- PROBLEM REQUIREMENTS -
In the data below, one line contains "#151=IFCINDEXEDPOLYGONALFACE((38,40,44,42));" and a later one contains "#165=IFCINDEXEDPOLYGONALFACE((67,71,72,68));". Print both, with every line between them, exactly and alone.

- DATA SUPPLIED -

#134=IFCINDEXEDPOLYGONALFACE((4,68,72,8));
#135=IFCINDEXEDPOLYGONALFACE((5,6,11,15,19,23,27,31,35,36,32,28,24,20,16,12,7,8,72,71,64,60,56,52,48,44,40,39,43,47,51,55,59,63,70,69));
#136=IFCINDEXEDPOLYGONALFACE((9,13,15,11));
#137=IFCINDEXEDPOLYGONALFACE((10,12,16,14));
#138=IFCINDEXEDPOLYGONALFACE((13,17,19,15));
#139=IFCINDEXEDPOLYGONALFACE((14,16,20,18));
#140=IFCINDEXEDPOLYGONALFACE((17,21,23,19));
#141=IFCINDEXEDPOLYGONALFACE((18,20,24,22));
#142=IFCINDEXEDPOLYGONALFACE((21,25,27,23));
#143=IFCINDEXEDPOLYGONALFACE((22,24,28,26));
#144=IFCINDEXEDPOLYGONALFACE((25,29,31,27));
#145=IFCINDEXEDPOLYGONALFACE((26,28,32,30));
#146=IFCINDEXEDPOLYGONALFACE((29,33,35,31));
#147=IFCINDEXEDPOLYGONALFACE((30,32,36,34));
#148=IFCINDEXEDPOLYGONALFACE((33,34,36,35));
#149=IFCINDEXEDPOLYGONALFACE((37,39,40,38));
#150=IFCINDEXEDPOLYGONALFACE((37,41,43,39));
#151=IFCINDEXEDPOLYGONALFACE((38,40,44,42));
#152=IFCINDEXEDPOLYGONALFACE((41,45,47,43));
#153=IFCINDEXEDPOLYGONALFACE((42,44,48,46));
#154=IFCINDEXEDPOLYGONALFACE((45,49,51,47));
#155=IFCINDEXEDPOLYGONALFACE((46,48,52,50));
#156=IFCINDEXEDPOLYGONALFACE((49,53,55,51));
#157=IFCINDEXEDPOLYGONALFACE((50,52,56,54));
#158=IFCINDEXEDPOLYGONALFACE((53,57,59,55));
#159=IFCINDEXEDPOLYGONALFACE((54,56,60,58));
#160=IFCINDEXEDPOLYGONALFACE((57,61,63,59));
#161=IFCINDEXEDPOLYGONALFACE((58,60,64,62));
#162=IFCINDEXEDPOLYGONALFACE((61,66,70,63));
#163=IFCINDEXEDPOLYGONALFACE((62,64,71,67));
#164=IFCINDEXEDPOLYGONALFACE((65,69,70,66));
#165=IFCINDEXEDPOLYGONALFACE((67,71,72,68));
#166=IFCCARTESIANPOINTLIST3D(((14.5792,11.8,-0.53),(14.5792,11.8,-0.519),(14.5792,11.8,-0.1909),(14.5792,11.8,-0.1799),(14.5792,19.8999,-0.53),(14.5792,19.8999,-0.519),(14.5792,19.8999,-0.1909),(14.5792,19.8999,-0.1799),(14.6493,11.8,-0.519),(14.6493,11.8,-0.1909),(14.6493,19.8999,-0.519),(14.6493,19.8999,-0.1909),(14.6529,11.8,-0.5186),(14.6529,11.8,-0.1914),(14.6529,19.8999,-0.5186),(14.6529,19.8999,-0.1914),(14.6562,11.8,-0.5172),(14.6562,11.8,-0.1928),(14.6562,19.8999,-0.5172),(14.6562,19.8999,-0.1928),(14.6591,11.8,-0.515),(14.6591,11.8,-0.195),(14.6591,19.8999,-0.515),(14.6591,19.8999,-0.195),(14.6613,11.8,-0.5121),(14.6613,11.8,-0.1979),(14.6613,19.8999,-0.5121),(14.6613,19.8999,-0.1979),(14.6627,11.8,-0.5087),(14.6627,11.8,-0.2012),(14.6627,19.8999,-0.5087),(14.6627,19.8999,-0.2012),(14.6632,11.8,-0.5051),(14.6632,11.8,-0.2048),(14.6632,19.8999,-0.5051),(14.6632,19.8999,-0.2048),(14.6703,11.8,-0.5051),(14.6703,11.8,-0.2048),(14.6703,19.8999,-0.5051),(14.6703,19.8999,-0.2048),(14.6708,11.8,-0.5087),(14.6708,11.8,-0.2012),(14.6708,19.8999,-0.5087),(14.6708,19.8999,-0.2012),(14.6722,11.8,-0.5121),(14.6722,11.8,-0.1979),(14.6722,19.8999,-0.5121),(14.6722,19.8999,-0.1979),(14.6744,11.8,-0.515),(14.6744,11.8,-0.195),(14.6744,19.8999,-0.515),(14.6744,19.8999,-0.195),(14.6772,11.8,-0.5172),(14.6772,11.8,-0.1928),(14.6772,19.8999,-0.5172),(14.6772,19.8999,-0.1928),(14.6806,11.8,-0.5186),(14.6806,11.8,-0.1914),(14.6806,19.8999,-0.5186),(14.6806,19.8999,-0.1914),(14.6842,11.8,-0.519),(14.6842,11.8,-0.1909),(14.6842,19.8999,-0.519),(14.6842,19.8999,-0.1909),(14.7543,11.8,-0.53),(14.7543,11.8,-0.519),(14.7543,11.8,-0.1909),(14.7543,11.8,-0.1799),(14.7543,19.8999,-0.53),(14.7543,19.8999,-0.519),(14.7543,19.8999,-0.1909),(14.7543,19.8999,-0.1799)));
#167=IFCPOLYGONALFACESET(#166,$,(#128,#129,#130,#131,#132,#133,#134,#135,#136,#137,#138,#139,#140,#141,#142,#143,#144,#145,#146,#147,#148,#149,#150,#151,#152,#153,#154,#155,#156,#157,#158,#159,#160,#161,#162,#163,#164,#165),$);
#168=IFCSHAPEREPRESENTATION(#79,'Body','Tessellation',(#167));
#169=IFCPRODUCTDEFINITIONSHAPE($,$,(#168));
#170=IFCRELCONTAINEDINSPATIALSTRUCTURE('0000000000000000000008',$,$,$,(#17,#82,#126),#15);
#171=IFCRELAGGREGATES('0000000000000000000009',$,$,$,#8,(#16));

- RESPONSE TO THIS TASK -
#151=IFCINDEXEDPOLYGONALFACE((38,40,44,42));
#152=IFCINDEXEDPOLYGONALFACE((41,45,47,43));
#153=IFCINDEXEDPOLYGONALFACE((42,44,48,46));
#154=IFCINDEXEDPOLYGONALFACE((45,49,51,47));
#155=IFCINDEXEDPOLYGONALFACE((46,48,52,50));
#156=IFCINDEXEDPOLYGONALFACE((49,53,55,51));
#157=IFCINDEXEDPOLYGONALFACE((50,52,56,54));
#158=IFCINDEXEDPOLYGONALFACE((53,57,59,55));
#159=IFCINDEXEDPOLYGONALFACE((54,56,60,58));
#160=IFCINDEXEDPOLYGONALFACE((57,61,63,59));
#161=IFCINDEXEDPOLYGONALFACE((58,60,64,62));
#162=IFCINDEXEDPOLYGONALFACE((61,66,70,63));
#163=IFCINDEXEDPOLYGONALFACE((62,64,71,67));
#164=IFCINDEXEDPOLYGONALFACE((65,69,70,66));
#165=IFCINDEXEDPOLYGONALFACE((67,71,72,68));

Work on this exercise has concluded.